** Action item **
Once the line containing "#52=IFCINDEXEDPOLYGONALFACE((3,4,8,7));" is found in the entries below, reproduce it and every line after it, stopping at and including the line containing "#57=IFCPRODUCTDEFINITIONSHAPE($,$,(#56));"; reproduce nothing else, and keep each line exact.

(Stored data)
════════

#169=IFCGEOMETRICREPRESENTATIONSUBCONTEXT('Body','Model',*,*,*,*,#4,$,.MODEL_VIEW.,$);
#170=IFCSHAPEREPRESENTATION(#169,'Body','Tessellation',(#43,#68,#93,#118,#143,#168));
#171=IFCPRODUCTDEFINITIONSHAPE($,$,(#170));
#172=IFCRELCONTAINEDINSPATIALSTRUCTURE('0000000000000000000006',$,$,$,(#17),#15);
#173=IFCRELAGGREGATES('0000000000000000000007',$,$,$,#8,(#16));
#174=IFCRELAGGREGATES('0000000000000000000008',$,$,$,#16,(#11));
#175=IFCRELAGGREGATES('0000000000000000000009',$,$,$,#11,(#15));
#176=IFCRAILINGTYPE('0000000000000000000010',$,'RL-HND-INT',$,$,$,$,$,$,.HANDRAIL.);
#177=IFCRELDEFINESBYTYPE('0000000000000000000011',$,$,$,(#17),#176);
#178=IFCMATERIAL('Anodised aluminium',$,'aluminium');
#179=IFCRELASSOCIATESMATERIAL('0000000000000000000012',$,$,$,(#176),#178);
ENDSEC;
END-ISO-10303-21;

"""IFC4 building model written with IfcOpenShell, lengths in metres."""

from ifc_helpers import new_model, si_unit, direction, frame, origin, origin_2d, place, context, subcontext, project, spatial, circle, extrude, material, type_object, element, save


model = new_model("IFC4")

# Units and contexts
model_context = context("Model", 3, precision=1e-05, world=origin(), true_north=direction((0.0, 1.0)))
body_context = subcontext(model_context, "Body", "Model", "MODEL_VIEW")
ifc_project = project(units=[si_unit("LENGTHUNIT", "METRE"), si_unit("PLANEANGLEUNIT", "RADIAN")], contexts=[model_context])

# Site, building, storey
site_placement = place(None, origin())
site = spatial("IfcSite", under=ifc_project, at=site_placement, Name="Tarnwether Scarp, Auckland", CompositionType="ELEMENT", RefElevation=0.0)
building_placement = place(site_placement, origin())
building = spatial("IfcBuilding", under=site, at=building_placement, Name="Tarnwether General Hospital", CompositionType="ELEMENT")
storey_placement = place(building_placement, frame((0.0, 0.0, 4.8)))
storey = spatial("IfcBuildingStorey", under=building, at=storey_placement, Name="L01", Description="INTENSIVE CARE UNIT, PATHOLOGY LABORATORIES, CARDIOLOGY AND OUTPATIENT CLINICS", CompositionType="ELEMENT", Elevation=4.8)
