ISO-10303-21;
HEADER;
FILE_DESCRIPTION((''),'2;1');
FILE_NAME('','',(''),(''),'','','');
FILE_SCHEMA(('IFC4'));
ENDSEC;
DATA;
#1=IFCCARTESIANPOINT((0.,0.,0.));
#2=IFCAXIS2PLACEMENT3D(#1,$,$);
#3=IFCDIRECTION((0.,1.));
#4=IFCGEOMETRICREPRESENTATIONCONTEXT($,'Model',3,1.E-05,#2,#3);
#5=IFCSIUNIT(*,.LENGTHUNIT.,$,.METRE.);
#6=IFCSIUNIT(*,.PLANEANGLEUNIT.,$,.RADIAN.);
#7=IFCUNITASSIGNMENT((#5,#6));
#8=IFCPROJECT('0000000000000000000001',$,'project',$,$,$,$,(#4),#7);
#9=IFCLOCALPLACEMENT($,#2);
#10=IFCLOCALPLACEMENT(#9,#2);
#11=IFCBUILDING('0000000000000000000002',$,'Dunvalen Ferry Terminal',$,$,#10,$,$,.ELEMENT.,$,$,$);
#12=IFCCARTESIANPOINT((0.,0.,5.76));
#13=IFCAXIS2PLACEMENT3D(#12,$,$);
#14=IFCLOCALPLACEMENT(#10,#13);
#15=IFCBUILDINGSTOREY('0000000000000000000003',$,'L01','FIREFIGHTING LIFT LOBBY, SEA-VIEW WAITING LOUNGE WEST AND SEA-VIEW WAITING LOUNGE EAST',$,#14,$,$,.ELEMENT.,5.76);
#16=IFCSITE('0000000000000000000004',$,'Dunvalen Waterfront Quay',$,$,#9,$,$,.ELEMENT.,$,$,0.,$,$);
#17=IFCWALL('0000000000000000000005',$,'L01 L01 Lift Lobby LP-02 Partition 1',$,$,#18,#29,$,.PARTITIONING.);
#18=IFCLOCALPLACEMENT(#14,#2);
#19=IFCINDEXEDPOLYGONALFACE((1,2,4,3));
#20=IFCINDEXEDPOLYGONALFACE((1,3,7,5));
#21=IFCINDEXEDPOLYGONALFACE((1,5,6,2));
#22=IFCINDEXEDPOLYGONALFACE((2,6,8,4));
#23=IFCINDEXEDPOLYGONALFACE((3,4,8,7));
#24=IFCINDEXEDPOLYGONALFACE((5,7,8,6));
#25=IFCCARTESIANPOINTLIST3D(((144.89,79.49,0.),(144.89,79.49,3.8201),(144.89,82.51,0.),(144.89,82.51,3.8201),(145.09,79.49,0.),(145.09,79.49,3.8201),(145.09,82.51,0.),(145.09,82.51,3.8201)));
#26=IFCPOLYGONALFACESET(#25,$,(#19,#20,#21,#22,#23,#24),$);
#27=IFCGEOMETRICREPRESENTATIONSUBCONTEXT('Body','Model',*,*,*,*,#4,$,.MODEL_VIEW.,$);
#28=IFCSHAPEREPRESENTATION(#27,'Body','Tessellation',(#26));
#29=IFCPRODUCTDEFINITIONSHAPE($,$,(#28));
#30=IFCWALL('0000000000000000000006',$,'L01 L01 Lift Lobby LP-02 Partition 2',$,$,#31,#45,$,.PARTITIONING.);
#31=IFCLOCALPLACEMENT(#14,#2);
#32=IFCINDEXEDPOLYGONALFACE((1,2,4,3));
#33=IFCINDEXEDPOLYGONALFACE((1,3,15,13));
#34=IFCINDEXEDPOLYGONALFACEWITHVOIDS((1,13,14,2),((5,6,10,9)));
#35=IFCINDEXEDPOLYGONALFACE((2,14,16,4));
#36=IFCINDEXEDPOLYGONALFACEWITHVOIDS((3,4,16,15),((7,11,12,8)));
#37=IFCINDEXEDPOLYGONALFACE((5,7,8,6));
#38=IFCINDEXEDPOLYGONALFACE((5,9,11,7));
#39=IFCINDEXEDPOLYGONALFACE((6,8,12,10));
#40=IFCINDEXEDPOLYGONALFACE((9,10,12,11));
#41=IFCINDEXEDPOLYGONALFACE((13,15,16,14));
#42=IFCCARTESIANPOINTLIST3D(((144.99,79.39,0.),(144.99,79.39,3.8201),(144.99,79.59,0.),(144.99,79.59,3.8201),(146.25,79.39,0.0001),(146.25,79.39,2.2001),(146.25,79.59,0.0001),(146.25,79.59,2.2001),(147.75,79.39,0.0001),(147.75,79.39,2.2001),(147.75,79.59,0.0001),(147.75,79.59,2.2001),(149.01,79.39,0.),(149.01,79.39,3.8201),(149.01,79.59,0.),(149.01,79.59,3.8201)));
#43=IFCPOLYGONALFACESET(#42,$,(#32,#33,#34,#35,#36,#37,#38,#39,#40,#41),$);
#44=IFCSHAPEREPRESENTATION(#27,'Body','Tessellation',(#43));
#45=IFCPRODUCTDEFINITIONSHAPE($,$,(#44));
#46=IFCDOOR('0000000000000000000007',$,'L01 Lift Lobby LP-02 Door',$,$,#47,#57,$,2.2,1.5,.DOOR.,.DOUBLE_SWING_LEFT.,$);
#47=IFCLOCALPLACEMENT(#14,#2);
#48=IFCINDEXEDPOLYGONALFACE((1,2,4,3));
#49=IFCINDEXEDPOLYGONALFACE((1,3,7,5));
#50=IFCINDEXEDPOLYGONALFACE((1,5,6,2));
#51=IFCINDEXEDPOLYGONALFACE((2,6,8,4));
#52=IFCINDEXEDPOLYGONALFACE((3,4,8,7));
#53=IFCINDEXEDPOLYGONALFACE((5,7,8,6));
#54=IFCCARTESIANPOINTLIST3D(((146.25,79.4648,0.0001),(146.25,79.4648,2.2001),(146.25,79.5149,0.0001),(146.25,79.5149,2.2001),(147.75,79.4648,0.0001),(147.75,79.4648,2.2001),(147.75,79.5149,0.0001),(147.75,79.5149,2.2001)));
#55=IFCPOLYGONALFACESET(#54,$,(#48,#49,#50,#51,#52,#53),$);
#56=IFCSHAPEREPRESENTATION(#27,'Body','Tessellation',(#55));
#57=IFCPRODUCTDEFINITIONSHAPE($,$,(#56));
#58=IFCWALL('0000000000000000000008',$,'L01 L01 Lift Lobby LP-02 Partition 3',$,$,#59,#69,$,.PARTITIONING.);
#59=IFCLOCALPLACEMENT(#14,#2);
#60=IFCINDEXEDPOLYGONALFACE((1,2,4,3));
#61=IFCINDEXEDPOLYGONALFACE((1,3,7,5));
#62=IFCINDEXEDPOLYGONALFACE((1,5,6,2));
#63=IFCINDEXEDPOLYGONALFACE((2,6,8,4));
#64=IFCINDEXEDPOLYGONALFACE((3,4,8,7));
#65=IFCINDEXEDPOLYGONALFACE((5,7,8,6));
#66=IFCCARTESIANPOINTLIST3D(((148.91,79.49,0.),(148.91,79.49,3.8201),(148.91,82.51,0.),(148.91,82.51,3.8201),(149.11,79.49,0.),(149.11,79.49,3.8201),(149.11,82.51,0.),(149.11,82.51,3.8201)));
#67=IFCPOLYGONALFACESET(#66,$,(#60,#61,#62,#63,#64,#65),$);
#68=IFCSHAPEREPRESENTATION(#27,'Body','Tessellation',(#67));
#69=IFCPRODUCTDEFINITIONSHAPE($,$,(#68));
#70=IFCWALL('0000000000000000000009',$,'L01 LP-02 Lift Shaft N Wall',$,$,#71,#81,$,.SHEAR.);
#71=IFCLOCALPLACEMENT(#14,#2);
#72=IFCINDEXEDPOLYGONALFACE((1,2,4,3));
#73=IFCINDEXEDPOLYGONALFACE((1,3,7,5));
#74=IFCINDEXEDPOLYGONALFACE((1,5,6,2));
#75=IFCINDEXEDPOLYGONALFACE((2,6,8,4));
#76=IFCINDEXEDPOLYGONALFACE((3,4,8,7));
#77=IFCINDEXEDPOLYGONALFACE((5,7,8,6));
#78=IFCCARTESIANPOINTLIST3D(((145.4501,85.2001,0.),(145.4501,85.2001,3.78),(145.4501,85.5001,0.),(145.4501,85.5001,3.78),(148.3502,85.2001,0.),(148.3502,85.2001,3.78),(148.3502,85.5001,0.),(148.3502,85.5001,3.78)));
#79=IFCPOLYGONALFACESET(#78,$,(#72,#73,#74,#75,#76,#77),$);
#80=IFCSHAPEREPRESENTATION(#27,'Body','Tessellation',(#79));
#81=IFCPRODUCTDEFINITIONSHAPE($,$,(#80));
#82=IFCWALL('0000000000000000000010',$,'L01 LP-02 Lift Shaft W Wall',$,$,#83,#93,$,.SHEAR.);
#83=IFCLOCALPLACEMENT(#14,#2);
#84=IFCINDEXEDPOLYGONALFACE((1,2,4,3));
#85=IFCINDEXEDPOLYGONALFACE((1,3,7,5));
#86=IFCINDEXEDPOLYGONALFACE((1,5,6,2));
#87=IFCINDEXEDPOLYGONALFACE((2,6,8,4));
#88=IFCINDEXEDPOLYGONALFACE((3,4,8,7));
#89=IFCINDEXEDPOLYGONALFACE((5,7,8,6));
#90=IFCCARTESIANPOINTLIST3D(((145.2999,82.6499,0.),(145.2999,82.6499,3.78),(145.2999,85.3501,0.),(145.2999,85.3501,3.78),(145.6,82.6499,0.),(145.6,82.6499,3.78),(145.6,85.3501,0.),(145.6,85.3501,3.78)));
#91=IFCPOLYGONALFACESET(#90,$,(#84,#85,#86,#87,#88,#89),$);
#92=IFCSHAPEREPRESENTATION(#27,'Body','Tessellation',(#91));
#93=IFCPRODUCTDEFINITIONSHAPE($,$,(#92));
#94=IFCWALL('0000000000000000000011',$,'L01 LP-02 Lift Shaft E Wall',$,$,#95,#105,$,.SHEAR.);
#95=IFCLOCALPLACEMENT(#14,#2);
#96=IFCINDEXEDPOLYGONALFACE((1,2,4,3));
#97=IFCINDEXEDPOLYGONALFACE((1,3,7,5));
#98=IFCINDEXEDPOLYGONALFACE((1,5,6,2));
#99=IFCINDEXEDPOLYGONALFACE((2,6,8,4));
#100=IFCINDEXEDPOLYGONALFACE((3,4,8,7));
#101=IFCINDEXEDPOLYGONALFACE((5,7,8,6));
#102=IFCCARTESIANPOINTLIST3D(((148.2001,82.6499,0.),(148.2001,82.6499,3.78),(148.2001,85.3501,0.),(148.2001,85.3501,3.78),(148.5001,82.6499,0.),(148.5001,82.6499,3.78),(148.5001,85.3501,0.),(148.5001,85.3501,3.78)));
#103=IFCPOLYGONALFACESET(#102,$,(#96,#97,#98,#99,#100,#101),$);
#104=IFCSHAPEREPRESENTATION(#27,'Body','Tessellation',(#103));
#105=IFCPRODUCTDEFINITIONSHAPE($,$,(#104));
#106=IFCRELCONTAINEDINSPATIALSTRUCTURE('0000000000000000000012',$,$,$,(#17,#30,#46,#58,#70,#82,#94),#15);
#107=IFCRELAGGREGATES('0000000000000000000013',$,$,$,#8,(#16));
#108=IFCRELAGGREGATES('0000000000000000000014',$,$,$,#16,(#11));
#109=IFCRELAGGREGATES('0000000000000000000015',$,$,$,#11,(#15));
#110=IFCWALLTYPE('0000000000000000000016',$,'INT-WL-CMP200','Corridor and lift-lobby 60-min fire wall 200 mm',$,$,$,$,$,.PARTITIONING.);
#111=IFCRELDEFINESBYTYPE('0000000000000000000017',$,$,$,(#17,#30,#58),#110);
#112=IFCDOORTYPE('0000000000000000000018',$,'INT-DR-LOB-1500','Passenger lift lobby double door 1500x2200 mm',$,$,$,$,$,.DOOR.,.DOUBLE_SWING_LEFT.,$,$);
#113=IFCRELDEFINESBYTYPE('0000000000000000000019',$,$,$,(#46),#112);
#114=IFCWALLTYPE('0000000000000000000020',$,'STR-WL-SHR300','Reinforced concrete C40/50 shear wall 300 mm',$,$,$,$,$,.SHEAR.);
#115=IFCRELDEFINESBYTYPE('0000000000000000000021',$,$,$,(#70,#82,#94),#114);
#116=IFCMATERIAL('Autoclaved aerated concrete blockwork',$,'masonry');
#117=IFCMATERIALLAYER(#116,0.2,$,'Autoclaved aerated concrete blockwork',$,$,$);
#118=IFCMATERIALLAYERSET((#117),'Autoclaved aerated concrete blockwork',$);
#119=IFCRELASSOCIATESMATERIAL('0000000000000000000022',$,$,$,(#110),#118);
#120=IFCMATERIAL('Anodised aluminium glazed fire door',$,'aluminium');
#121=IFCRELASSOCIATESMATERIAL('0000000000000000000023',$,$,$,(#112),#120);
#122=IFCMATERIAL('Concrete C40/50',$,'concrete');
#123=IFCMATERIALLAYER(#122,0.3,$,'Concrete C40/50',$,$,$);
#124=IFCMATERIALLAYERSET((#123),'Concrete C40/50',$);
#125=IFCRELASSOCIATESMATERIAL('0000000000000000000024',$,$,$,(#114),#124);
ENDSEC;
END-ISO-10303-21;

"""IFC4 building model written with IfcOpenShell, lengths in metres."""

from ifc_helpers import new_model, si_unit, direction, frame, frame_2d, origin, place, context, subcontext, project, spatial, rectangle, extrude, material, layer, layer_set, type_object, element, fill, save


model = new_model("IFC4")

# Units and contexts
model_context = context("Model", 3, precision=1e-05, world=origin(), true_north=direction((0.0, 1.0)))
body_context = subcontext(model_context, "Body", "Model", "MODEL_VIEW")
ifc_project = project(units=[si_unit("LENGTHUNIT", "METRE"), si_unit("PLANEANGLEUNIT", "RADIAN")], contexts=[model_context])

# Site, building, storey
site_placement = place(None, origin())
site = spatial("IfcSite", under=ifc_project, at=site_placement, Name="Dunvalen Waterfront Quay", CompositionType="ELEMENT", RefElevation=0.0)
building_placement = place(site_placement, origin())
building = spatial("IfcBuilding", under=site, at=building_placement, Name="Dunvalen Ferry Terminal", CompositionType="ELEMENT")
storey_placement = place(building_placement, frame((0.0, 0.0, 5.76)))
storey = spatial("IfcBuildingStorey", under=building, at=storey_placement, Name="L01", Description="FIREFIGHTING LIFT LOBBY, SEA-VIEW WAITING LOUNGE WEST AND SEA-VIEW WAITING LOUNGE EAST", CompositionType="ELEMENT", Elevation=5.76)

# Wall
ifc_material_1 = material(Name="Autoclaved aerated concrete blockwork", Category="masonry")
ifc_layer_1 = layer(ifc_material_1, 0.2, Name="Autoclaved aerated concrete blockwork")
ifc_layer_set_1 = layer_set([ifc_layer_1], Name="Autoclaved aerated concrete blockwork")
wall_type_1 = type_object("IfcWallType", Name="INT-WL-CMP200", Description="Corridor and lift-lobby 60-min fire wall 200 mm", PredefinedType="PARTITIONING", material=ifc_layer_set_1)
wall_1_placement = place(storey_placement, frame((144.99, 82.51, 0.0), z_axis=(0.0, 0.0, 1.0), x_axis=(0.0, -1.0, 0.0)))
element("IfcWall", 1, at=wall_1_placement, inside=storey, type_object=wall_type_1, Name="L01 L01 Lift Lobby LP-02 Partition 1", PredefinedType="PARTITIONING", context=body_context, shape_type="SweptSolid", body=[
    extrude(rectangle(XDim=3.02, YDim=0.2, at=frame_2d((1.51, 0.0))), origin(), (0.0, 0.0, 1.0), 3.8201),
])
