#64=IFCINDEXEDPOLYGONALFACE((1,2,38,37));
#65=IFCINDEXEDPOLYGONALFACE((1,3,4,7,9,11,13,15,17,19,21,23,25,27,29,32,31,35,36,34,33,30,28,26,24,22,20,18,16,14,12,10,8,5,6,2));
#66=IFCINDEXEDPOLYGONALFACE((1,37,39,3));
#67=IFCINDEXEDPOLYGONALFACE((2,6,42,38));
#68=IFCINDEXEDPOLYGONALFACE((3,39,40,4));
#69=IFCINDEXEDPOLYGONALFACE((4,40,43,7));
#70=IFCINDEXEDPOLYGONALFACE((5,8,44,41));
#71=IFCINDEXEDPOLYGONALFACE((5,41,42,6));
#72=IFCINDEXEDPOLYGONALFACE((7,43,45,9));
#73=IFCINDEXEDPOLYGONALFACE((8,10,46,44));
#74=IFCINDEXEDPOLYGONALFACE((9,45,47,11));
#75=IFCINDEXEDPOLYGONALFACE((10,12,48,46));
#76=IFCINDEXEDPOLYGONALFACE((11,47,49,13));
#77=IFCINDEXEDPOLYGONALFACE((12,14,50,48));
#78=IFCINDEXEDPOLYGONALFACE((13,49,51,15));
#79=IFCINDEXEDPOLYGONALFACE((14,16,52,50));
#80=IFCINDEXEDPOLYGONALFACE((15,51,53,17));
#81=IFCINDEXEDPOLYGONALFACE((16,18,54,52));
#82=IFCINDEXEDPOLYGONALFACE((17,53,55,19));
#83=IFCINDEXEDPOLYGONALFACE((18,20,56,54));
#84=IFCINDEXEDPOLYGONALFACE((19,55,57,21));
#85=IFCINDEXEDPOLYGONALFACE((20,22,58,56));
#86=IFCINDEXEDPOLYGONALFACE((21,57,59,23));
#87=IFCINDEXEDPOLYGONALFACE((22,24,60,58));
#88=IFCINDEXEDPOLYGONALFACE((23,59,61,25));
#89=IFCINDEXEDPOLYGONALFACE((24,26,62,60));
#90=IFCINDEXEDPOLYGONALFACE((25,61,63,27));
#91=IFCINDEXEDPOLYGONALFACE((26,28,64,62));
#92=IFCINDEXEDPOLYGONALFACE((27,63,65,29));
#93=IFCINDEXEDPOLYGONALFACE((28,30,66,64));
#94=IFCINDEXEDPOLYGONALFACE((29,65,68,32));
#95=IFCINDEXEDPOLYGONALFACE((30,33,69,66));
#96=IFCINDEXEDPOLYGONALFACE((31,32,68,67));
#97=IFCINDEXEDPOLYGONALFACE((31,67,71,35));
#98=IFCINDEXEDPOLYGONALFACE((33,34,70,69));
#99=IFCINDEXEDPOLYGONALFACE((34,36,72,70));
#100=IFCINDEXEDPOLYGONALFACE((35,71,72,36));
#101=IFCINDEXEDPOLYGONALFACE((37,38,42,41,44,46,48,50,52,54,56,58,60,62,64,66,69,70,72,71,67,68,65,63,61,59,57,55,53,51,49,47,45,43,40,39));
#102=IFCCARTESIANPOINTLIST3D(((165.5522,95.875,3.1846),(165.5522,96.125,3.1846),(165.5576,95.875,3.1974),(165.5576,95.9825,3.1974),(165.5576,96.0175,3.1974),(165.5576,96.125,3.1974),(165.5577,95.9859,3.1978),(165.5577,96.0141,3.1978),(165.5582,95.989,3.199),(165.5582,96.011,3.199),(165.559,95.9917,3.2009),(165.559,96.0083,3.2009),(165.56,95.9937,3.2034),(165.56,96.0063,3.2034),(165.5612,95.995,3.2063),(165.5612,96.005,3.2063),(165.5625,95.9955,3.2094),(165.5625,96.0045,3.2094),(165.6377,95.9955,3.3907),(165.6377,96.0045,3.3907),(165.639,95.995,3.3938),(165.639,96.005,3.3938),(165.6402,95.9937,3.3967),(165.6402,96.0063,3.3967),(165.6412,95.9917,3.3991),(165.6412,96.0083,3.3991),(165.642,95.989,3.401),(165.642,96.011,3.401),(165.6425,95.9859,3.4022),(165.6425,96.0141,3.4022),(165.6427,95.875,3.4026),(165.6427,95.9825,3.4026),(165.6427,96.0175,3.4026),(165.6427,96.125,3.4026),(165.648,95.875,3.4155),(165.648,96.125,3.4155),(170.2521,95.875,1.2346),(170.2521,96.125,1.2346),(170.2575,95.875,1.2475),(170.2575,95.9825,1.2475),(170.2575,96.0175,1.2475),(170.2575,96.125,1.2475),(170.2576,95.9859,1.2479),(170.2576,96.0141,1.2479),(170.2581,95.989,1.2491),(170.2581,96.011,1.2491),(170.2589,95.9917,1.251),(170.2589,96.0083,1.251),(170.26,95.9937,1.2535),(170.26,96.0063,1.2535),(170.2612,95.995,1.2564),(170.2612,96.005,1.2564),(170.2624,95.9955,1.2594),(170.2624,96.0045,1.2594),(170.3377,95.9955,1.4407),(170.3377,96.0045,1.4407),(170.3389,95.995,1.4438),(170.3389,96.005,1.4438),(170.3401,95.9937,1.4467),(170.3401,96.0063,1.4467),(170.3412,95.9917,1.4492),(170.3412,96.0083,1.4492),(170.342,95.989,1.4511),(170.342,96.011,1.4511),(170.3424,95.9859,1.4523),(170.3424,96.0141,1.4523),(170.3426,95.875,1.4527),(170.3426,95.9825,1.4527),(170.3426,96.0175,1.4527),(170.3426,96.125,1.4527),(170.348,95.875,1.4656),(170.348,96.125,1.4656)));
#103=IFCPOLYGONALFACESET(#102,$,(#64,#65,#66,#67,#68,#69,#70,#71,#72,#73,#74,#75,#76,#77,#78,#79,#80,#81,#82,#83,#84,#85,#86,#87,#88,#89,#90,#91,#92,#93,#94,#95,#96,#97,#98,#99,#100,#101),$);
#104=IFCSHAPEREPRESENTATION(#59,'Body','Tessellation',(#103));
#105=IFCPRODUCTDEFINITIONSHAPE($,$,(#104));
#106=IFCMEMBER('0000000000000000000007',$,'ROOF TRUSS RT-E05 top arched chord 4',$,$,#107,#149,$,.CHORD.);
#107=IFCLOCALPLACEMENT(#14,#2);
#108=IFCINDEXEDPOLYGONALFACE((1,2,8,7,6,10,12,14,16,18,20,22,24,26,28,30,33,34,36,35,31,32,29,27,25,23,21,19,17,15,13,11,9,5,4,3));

════════

** Finished task **
#52=IFCINDEXEDPOLYGONALFACE((3,4,8,7));
#53=IFCINDEXEDPOLYGONALFACE((5,7,8,6));
#54=IFCCARTESIANPOINTLIST3D(((146.25,79.4648,0.0001),(146.25,79.4648,2.2001),(146.25,79.5149,0.0001),(146.25,79.5149,2.2001),(147.75,79.4648,0.0001),(147.75,79.4648,2.2001),(147.75,79.5149,0.0001),(147.75,79.5149,2.2001)));
#55=IFCPOLYGONALFACESET(#54,$,(#48,#49,#50,#51,#52,#53),$);
#56=IFCSHAPEREPRESENTATION(#27,'Body','Tessellation',(#55));
#57=IFCPRODUCTDEFINITIONSHAPE($,$,(#56));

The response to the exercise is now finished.